Collection entries:
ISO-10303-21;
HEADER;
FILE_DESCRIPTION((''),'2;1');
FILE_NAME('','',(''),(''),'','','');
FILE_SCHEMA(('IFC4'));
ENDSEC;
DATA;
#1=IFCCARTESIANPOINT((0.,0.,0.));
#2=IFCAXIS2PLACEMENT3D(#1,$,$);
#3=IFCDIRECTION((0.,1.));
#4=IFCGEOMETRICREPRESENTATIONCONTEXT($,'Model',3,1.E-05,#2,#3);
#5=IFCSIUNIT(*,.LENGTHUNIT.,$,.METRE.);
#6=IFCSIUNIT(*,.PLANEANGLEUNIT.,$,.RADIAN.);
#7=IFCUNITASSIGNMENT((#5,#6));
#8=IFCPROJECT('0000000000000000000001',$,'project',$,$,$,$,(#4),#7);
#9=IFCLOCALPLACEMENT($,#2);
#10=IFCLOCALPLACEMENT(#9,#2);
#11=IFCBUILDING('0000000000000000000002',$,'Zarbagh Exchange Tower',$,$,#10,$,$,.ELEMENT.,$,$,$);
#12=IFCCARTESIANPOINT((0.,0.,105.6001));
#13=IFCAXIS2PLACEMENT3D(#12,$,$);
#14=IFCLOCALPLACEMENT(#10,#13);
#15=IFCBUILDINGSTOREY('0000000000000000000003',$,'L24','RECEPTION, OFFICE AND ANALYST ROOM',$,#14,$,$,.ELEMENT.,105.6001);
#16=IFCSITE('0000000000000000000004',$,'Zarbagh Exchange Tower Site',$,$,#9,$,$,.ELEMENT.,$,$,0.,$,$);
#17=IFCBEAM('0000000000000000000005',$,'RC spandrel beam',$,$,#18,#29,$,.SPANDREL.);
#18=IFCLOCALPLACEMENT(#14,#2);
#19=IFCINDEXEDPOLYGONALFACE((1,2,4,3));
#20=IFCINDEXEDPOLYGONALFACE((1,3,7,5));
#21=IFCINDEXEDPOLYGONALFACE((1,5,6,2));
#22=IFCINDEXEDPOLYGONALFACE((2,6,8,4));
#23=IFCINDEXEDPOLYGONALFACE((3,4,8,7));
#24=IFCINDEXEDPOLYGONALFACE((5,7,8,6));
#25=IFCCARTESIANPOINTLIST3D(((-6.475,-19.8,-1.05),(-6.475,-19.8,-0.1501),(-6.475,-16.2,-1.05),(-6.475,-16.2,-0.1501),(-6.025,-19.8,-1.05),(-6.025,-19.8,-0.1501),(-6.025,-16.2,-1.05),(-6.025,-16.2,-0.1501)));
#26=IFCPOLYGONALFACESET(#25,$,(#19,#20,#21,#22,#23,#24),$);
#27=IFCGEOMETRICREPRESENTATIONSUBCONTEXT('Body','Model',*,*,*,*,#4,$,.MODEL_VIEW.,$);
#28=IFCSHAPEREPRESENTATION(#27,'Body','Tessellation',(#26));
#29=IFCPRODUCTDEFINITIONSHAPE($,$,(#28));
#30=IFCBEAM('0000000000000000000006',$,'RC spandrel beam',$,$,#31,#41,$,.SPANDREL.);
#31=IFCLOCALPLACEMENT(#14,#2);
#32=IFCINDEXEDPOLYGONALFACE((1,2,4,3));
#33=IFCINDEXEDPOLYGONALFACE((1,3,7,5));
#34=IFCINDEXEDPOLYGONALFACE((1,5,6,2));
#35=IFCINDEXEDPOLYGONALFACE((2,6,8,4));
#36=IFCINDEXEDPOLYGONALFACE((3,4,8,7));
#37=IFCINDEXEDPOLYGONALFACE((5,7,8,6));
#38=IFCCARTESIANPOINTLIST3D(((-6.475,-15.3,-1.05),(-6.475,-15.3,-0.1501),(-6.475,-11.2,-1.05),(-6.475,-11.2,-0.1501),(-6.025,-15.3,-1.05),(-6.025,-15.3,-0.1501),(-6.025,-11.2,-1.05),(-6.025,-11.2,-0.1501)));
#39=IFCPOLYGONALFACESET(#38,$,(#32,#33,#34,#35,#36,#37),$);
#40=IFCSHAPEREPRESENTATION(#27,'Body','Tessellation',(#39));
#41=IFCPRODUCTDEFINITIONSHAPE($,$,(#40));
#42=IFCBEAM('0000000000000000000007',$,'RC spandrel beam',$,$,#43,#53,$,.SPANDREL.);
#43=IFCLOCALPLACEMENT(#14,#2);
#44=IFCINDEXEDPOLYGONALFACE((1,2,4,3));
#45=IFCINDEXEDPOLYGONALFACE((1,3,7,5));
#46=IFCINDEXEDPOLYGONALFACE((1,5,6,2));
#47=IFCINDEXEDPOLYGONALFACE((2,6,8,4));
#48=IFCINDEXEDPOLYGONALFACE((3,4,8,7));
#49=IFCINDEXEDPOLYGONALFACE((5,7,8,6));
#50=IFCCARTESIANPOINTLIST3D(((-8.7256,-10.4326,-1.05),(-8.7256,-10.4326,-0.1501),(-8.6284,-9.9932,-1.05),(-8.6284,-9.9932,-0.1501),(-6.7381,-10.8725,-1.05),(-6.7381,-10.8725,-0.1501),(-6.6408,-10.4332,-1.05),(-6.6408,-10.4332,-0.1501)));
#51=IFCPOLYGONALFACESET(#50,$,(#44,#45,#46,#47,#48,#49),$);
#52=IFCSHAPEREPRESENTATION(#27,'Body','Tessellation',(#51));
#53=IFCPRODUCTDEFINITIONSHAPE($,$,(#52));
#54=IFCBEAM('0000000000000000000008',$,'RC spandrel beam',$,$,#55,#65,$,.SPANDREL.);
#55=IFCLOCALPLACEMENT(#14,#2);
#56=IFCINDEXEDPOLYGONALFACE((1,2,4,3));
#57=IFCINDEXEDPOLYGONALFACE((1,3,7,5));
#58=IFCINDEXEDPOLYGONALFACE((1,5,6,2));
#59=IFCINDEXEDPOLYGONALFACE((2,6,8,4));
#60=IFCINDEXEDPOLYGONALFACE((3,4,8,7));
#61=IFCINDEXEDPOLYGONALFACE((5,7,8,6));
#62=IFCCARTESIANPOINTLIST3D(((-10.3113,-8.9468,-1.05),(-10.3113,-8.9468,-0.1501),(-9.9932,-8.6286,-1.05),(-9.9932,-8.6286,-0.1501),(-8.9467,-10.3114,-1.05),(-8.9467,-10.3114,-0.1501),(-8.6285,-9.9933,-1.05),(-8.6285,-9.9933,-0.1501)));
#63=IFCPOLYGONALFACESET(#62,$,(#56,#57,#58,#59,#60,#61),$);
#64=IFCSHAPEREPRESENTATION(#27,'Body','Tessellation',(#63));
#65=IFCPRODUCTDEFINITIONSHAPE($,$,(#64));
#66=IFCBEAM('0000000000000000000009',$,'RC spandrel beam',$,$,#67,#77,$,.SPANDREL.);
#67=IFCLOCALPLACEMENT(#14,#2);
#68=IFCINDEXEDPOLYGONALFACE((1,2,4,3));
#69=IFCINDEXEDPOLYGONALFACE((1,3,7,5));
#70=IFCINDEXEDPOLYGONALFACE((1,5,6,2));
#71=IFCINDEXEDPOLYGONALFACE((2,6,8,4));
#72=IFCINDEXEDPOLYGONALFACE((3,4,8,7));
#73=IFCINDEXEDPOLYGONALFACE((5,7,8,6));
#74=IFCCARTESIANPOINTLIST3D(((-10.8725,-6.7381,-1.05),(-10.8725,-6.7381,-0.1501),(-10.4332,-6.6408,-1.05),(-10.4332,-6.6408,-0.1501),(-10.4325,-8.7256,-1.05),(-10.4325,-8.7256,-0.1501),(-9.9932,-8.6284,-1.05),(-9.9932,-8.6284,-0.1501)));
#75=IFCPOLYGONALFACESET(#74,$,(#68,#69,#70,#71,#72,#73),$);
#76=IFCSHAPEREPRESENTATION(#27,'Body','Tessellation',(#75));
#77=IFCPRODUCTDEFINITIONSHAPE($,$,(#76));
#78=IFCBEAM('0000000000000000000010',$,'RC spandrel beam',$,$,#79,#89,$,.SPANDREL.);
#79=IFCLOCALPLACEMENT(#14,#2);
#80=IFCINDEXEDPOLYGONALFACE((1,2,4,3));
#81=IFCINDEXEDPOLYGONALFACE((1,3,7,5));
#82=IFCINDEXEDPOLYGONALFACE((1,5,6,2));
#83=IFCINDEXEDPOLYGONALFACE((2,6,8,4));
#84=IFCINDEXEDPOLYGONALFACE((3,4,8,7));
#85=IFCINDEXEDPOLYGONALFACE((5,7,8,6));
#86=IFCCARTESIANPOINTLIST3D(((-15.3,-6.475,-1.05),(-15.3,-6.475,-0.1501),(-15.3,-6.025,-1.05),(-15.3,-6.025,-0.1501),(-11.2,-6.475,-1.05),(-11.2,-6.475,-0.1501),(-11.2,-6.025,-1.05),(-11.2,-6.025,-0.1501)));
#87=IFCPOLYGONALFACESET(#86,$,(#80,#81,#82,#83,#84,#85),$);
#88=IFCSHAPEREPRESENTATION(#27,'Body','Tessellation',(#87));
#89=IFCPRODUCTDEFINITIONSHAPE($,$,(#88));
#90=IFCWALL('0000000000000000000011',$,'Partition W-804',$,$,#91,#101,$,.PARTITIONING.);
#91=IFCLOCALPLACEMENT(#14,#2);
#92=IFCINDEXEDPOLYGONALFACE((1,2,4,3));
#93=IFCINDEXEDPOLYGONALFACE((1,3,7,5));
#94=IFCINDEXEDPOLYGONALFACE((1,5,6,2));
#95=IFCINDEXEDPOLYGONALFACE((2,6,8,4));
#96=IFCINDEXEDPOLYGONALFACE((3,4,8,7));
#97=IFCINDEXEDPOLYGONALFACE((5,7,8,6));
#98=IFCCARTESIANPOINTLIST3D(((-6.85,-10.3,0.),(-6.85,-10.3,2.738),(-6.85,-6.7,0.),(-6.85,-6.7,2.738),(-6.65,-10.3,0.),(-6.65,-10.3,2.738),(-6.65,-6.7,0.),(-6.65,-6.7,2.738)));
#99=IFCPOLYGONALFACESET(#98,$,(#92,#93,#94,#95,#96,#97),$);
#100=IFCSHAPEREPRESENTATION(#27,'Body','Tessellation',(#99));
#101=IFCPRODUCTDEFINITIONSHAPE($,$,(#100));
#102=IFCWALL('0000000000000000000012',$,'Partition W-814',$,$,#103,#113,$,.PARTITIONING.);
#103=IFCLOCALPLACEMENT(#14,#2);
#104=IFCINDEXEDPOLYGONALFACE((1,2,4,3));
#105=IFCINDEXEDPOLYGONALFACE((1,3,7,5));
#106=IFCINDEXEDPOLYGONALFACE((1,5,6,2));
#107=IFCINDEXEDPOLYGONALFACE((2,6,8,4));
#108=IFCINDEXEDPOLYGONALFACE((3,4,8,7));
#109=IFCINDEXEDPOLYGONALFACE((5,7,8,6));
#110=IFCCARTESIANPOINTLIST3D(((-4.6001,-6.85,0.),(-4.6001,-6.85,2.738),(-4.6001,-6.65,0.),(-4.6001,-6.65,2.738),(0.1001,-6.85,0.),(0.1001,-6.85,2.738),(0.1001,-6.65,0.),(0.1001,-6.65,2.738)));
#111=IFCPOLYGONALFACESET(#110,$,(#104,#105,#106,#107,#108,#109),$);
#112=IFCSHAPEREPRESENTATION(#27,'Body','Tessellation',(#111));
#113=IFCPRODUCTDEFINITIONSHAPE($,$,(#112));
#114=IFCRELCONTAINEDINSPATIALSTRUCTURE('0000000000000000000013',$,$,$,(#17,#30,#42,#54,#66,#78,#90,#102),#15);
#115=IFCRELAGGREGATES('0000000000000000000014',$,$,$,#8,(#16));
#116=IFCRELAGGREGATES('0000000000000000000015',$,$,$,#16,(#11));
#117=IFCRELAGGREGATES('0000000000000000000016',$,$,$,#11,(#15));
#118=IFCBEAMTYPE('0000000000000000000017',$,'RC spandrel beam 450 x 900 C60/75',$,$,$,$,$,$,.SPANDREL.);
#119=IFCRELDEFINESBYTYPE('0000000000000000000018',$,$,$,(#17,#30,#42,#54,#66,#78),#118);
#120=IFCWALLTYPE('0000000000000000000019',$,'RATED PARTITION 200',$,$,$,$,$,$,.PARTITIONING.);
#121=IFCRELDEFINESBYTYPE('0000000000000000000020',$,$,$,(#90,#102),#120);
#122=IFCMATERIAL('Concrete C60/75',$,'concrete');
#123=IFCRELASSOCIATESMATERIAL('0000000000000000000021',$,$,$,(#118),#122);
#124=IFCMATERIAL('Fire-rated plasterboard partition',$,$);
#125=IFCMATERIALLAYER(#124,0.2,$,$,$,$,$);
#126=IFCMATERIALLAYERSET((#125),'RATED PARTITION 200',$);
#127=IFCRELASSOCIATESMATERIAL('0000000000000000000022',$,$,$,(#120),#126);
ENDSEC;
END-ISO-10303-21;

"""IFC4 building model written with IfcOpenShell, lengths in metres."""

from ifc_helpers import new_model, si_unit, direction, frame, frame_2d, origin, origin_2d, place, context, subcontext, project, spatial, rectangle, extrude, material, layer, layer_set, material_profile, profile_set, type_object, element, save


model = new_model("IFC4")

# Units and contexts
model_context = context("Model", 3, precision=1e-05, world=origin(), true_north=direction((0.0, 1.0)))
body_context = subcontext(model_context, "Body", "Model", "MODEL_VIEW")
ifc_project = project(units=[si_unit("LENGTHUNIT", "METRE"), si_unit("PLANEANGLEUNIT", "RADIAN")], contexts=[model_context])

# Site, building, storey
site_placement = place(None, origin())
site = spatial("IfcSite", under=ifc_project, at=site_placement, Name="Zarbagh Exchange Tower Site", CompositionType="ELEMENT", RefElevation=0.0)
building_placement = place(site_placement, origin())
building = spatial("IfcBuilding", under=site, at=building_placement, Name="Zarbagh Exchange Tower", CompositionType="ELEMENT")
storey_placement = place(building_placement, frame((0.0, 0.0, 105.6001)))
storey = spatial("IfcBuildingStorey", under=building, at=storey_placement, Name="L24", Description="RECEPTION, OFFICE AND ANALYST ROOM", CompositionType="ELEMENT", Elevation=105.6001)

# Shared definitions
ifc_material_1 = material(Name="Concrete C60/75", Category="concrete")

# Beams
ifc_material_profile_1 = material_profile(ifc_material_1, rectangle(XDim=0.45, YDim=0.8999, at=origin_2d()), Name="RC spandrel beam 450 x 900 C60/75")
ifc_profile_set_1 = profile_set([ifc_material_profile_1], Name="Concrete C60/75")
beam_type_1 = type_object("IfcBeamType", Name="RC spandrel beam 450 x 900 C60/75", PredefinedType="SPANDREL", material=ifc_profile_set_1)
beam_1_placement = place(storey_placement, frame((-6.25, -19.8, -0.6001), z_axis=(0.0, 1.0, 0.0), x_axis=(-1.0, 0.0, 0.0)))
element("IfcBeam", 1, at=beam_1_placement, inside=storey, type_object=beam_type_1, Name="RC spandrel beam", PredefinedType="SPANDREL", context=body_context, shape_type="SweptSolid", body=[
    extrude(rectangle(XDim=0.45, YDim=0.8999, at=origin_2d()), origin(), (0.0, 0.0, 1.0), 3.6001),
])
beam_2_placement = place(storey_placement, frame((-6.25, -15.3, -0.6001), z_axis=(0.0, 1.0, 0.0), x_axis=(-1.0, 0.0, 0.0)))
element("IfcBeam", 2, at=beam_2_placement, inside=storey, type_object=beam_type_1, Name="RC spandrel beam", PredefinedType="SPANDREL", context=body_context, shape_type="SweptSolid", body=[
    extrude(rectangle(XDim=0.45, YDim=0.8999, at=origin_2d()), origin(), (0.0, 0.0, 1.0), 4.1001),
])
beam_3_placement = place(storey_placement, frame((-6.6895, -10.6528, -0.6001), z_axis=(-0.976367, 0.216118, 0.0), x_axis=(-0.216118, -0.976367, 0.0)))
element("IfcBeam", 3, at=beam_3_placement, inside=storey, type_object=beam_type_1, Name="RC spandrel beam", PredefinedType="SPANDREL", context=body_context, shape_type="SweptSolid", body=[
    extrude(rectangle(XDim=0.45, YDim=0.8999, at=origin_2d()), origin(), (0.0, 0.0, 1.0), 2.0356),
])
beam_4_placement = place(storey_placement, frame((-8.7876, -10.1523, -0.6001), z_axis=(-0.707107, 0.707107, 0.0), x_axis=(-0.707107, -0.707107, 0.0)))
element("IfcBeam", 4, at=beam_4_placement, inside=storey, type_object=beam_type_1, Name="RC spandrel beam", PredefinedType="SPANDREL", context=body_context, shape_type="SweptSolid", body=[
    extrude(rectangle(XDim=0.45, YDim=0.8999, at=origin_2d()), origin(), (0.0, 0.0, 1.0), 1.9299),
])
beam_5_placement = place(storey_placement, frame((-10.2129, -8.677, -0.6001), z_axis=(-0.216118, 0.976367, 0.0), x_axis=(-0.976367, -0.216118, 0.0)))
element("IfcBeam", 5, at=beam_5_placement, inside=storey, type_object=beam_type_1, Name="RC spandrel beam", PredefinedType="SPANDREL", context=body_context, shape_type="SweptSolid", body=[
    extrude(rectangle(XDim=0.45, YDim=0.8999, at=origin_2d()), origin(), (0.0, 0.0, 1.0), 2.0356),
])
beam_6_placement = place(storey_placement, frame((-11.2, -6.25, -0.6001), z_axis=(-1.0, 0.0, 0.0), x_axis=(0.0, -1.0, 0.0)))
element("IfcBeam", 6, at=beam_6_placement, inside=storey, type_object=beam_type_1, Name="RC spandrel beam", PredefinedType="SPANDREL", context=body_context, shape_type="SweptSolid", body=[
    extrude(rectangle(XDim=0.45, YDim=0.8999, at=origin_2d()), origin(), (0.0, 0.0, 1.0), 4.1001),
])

**Task instructions**
Every line in the records above that contains the word "PARTITIONING" should be copied out.

**Answer space**
#90=IFCWALL('0000000000000000000011',$,'Partition W-804',$,$,#91,#101,$,.PARTITIONING.);
#102=IFCWALL('0000000000000000000012',$,'Partition W-814',$,$,#103,#113,$,.PARTITIONING.);
#120=IFCWALLTYPE('0000000000000000000019',$,'RATED PARTITION 200',$,$,$,$,$,$,.PARTITIONING.);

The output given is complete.